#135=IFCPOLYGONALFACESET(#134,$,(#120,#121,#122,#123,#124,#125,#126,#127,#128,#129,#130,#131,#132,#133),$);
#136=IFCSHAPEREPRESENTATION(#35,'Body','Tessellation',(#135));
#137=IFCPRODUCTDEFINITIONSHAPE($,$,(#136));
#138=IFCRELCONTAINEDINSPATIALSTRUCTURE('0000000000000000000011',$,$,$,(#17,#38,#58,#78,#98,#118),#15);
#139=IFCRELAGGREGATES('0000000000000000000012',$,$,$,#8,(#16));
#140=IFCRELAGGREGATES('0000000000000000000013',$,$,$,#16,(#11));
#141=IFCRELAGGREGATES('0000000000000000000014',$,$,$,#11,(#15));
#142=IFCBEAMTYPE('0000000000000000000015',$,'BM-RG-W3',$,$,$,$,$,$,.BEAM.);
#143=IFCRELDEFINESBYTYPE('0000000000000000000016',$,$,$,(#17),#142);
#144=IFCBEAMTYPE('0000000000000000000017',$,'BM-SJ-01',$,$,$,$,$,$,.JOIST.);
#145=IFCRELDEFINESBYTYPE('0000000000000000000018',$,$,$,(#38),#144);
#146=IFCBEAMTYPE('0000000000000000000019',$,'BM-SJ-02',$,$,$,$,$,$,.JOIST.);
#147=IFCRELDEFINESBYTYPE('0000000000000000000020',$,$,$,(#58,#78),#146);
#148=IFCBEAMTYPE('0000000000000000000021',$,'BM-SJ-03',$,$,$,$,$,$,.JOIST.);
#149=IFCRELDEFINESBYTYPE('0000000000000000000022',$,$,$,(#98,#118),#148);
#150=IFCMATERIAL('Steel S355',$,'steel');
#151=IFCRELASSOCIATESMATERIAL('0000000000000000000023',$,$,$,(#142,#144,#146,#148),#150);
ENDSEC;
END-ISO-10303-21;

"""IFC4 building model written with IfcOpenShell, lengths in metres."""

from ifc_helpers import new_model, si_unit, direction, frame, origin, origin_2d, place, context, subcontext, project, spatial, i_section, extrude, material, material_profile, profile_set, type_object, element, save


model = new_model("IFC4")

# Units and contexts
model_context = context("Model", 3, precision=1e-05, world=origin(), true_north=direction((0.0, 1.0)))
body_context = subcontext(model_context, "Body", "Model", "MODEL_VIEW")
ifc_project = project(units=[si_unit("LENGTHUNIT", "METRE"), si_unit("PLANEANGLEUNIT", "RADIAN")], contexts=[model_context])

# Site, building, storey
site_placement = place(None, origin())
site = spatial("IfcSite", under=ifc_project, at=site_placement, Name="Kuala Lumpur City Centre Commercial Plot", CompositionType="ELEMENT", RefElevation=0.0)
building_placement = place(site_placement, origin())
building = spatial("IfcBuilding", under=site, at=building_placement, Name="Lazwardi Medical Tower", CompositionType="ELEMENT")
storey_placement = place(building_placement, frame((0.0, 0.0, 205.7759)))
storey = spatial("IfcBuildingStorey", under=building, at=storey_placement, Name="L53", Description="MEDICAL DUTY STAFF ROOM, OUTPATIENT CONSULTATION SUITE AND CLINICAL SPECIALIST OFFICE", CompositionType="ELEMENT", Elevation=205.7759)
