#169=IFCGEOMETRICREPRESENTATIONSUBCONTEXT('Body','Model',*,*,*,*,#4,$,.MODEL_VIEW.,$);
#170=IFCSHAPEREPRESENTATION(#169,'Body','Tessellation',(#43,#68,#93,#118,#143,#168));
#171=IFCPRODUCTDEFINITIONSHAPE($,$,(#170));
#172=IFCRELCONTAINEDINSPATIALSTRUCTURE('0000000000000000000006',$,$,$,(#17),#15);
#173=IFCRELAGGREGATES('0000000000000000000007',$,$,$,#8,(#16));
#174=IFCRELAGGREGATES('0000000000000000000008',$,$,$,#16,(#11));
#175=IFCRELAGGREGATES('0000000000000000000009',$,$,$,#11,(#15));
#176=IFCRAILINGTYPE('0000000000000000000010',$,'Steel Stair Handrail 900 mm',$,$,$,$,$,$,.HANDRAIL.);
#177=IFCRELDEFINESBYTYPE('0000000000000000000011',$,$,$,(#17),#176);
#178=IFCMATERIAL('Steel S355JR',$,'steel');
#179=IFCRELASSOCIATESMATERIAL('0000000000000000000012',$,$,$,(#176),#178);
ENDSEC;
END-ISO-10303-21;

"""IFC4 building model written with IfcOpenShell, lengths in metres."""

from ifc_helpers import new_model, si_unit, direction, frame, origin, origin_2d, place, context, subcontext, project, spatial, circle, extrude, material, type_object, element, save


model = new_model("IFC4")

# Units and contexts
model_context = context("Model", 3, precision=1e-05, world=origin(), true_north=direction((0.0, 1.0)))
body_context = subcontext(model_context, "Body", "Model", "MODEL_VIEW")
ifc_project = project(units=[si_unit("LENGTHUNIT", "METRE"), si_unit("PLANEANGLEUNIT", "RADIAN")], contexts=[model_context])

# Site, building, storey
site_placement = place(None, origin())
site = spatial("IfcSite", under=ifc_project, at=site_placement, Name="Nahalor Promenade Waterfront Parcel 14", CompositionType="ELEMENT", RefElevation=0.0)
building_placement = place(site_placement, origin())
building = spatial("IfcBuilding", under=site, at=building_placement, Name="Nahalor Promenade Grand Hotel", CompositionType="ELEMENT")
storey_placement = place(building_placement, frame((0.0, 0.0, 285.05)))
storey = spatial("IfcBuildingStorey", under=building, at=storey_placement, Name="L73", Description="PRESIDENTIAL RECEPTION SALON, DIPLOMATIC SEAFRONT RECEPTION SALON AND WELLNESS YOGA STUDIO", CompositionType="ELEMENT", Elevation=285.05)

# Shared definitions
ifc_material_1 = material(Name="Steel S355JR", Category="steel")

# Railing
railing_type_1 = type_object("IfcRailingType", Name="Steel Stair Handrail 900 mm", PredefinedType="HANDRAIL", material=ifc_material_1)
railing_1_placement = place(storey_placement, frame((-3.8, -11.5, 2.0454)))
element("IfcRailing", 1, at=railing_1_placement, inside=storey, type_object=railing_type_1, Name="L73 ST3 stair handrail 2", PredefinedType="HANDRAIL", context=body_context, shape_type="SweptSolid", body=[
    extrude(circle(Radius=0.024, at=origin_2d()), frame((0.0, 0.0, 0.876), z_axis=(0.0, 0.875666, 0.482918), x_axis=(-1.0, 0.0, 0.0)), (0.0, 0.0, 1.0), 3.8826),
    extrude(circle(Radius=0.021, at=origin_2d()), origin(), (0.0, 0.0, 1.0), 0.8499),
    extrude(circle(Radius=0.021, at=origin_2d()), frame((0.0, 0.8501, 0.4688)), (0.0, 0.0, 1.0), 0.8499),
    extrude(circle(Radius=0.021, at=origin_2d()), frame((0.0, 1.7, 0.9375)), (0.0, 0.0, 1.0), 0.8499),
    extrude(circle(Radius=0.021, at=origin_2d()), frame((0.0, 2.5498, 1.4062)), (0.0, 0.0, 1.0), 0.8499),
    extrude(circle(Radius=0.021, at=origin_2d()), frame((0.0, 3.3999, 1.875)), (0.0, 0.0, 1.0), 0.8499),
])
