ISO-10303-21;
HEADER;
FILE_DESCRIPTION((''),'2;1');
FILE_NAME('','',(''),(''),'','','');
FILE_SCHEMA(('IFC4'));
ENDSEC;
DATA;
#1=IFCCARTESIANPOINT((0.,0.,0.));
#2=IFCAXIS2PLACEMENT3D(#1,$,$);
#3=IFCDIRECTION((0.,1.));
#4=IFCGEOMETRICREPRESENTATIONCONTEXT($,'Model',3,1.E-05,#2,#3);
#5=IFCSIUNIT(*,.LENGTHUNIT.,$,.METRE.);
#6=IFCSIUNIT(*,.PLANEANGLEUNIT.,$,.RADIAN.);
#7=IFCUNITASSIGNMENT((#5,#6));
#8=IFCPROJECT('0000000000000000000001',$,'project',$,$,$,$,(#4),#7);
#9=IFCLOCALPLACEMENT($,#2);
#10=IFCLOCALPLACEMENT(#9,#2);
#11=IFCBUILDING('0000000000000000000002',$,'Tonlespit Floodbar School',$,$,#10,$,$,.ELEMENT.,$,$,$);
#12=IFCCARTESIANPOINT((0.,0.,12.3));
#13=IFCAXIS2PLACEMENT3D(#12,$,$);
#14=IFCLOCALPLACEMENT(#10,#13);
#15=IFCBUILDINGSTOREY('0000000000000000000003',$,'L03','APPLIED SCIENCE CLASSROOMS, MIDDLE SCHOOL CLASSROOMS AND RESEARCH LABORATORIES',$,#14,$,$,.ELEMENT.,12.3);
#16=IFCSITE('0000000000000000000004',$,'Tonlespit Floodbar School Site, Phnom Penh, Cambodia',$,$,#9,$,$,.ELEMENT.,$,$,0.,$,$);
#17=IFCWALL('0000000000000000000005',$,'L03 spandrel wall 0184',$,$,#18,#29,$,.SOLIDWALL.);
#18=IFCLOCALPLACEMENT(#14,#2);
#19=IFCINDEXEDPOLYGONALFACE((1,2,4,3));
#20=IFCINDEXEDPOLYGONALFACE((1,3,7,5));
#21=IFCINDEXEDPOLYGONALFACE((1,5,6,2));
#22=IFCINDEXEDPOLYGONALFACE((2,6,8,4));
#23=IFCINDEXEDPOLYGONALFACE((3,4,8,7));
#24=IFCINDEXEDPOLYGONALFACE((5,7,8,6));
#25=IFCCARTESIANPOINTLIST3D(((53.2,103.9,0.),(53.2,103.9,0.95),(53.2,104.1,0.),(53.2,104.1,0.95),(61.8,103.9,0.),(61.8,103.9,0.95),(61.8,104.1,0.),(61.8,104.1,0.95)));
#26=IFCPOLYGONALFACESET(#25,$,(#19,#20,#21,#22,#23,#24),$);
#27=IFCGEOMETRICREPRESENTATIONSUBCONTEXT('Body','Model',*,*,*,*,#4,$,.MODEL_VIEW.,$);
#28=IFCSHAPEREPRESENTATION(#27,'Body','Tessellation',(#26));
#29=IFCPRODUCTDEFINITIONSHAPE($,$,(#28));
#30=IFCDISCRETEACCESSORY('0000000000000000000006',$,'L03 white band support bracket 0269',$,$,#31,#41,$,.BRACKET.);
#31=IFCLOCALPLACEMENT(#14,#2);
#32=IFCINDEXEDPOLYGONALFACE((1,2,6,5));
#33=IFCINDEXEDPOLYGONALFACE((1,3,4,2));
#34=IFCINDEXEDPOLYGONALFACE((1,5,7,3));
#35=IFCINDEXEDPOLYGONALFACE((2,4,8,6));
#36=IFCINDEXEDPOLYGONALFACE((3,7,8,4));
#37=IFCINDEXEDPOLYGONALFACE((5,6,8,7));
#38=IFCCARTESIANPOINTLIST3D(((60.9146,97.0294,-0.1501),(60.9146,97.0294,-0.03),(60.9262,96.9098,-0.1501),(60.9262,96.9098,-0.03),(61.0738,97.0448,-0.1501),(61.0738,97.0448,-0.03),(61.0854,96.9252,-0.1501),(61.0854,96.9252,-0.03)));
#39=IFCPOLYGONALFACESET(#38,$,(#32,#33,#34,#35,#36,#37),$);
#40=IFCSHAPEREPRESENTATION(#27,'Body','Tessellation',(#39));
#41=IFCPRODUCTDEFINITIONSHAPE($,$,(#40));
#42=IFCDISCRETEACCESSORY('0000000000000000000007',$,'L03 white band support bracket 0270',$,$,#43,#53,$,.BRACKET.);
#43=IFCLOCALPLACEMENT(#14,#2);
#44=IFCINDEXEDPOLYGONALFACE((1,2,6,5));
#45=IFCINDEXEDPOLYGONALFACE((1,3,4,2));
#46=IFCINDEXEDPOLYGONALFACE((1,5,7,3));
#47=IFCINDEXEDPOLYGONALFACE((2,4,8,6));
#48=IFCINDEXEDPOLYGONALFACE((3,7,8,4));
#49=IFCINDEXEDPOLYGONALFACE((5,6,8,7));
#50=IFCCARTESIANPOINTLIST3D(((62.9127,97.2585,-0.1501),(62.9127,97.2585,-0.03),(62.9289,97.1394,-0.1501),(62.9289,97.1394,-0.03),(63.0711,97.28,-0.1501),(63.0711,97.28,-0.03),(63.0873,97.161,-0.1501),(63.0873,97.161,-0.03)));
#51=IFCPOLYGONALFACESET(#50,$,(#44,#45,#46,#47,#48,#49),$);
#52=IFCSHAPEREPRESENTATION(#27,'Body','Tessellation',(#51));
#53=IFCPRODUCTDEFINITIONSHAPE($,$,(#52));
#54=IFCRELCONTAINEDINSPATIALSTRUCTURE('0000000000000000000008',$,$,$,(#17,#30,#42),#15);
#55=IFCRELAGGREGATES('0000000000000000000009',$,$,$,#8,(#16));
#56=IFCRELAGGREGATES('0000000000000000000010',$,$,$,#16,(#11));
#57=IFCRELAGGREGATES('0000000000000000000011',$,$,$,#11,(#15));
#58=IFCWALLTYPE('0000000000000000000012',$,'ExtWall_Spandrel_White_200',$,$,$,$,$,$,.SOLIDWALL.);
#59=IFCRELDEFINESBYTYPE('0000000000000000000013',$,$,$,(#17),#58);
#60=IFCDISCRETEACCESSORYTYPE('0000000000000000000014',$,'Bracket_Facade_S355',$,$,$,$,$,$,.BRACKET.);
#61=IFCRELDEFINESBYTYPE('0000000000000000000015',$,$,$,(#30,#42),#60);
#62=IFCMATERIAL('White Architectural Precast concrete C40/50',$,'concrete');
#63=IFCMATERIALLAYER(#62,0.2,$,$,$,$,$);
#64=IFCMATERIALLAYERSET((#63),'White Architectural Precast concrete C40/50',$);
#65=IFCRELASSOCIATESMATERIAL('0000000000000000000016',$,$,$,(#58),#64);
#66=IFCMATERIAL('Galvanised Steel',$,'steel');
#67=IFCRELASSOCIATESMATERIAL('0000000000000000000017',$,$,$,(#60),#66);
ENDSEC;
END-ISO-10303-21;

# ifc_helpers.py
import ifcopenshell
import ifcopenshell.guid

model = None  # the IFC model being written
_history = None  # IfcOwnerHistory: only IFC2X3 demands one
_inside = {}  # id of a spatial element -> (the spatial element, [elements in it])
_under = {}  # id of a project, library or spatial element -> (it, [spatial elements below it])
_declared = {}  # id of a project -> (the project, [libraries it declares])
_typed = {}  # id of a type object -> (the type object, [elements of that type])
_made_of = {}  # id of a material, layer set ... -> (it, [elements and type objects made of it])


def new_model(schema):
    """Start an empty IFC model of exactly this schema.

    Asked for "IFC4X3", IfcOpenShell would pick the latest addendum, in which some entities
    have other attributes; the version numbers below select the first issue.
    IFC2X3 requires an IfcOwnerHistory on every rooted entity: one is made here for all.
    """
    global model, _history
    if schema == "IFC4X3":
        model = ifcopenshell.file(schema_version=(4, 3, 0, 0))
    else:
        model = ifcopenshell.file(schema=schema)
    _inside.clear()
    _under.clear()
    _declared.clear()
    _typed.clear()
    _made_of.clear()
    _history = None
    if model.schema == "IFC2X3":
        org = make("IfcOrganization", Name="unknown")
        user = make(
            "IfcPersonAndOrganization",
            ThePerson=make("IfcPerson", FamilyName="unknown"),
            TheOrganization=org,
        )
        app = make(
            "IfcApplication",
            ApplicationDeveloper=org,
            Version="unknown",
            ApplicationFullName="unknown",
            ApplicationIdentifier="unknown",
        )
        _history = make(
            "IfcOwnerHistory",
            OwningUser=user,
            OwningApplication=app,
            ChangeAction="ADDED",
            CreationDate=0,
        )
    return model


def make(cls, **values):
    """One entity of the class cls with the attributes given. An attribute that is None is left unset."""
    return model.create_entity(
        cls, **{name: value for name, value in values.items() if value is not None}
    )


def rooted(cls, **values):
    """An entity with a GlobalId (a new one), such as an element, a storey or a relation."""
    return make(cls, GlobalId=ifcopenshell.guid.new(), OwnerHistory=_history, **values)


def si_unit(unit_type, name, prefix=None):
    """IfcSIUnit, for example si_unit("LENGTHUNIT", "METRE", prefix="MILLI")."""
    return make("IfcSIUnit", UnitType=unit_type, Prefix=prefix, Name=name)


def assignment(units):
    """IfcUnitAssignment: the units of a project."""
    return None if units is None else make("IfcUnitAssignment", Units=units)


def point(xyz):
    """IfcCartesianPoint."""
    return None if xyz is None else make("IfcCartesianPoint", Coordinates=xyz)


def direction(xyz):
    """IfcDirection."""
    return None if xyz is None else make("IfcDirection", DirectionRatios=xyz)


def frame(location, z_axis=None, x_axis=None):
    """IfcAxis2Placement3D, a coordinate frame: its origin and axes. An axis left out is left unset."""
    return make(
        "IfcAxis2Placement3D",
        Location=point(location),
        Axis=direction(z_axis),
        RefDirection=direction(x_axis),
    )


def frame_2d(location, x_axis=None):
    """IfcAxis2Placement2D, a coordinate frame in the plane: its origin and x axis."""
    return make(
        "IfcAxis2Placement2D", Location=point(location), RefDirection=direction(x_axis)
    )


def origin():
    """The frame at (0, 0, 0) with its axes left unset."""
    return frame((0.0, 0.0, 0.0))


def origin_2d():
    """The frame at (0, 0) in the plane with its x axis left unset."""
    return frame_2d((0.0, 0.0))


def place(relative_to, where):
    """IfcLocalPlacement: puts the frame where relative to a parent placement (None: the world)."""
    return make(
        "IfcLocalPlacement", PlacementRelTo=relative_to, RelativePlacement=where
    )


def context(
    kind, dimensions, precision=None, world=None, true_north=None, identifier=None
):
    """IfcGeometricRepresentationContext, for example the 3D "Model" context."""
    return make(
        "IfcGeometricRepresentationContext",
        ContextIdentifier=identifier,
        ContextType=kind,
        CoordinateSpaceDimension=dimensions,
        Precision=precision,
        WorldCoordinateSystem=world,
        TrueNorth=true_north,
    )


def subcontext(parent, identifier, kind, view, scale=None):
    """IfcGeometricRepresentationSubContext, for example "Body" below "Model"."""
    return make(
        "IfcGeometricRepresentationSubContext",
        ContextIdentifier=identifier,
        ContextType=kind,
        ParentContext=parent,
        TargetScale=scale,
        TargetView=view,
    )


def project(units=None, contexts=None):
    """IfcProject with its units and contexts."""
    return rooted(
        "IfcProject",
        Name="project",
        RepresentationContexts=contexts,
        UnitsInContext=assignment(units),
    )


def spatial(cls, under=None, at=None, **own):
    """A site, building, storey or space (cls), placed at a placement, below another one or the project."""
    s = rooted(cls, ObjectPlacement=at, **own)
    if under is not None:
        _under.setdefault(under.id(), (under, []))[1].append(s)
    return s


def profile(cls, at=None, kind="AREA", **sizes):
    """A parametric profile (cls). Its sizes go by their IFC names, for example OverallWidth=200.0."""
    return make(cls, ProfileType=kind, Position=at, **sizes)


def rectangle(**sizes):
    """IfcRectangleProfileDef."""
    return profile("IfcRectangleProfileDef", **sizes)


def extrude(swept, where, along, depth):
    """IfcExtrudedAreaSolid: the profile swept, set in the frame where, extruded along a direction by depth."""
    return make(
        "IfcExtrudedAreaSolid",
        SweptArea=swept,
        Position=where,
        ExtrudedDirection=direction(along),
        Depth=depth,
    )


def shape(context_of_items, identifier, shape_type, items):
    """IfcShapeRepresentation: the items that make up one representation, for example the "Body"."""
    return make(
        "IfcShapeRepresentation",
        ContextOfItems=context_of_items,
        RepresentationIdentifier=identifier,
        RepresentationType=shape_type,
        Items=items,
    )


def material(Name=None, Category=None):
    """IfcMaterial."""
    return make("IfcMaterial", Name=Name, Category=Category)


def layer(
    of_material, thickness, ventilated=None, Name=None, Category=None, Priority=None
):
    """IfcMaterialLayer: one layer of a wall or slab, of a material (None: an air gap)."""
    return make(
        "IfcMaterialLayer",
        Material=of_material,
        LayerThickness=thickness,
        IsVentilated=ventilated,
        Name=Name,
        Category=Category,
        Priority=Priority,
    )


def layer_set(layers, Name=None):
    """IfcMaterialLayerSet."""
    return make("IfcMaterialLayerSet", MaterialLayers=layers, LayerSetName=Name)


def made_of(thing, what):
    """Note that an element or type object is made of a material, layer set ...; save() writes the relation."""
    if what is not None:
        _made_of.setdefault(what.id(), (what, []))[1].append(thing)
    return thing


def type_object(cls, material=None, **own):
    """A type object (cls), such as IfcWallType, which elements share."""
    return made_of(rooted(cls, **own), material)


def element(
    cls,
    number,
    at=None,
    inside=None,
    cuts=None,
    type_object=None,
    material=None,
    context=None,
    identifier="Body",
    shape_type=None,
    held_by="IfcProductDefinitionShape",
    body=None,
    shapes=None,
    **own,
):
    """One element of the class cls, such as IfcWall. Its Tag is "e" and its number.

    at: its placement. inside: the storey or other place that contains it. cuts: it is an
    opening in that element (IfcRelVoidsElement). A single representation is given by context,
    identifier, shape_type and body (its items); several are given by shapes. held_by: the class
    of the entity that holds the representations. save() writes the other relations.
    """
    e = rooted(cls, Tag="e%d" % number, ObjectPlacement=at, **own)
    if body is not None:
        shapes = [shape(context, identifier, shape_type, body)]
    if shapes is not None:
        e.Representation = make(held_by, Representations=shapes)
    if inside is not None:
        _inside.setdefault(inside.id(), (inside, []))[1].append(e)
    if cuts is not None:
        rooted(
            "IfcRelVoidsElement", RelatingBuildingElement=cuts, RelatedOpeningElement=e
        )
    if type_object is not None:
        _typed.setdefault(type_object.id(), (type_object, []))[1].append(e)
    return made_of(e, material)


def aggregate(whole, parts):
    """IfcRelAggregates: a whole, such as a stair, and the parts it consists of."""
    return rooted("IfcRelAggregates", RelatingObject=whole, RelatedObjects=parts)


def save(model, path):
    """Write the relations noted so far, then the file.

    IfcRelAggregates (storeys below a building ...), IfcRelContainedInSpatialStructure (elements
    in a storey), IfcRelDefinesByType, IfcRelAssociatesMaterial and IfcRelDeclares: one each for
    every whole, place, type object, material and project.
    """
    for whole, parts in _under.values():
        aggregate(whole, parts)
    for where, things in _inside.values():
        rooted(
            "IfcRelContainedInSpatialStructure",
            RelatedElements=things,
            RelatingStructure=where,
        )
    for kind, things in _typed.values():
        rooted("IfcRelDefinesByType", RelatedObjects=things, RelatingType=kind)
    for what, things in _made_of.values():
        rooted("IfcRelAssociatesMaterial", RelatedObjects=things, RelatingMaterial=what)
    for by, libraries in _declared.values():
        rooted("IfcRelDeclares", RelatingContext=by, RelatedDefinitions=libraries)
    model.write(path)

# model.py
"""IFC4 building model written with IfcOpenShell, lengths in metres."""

from ifc_helpers import new_model, si_unit, direction, frame, frame_2d, origin, origin_2d, place, context, subcontext, project, spatial, rectangle, extrude, material, layer, layer_set, type_object, element, save


model = new_model("IFC4")

# Units and contexts
model_context = context("Model", 3, precision=1e-05, world=origin(), true_north=direction((0.0, 1.0)))
body_context = subcontext(model_context, "Body", "Model", "MODEL_VIEW")
ifc_project = project(units=[si_unit("LENGTHUNIT", "METRE"), si_unit("PLANEANGLEUNIT", "RADIAN")], contexts=[model_context])

# Site, building, storey
site_placement = place(None, origin())
site = spatial("IfcSite", under=ifc_project, at=site_placement, Name="Tonlespit Floodbar School Site, Phnom Penh, Cambodia", CompositionType="ELEMENT", RefElevation=0.0)
building_placement = place(site_placement, origin())
building = spatial("IfcBuilding", under=site, at=building_placement, Name="Tonlespit Floodbar School", CompositionType="ELEMENT")
storey_placement = place(building_placement, frame((0.0, 0.0, 12.3)))
storey = spatial("IfcBuildingStorey", under=building, at=storey_placement, Name="L03", Description="APPLIED SCIENCE CLASSROOMS, MIDDLE SCHOOL CLASSROOMS AND RESEARCH LABORATORIES", CompositionType="ELEMENT", Elevation=12.3)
#####
• _WHAT TO DO_
Write out every line of the entries that holds the word "ventilated".

• _RESPONSE FOR THIS EXERCISE_
    of_material, thickness, ventilated=None, Name=None, Category=None, Priority=None
        IsVentilated=ventilated,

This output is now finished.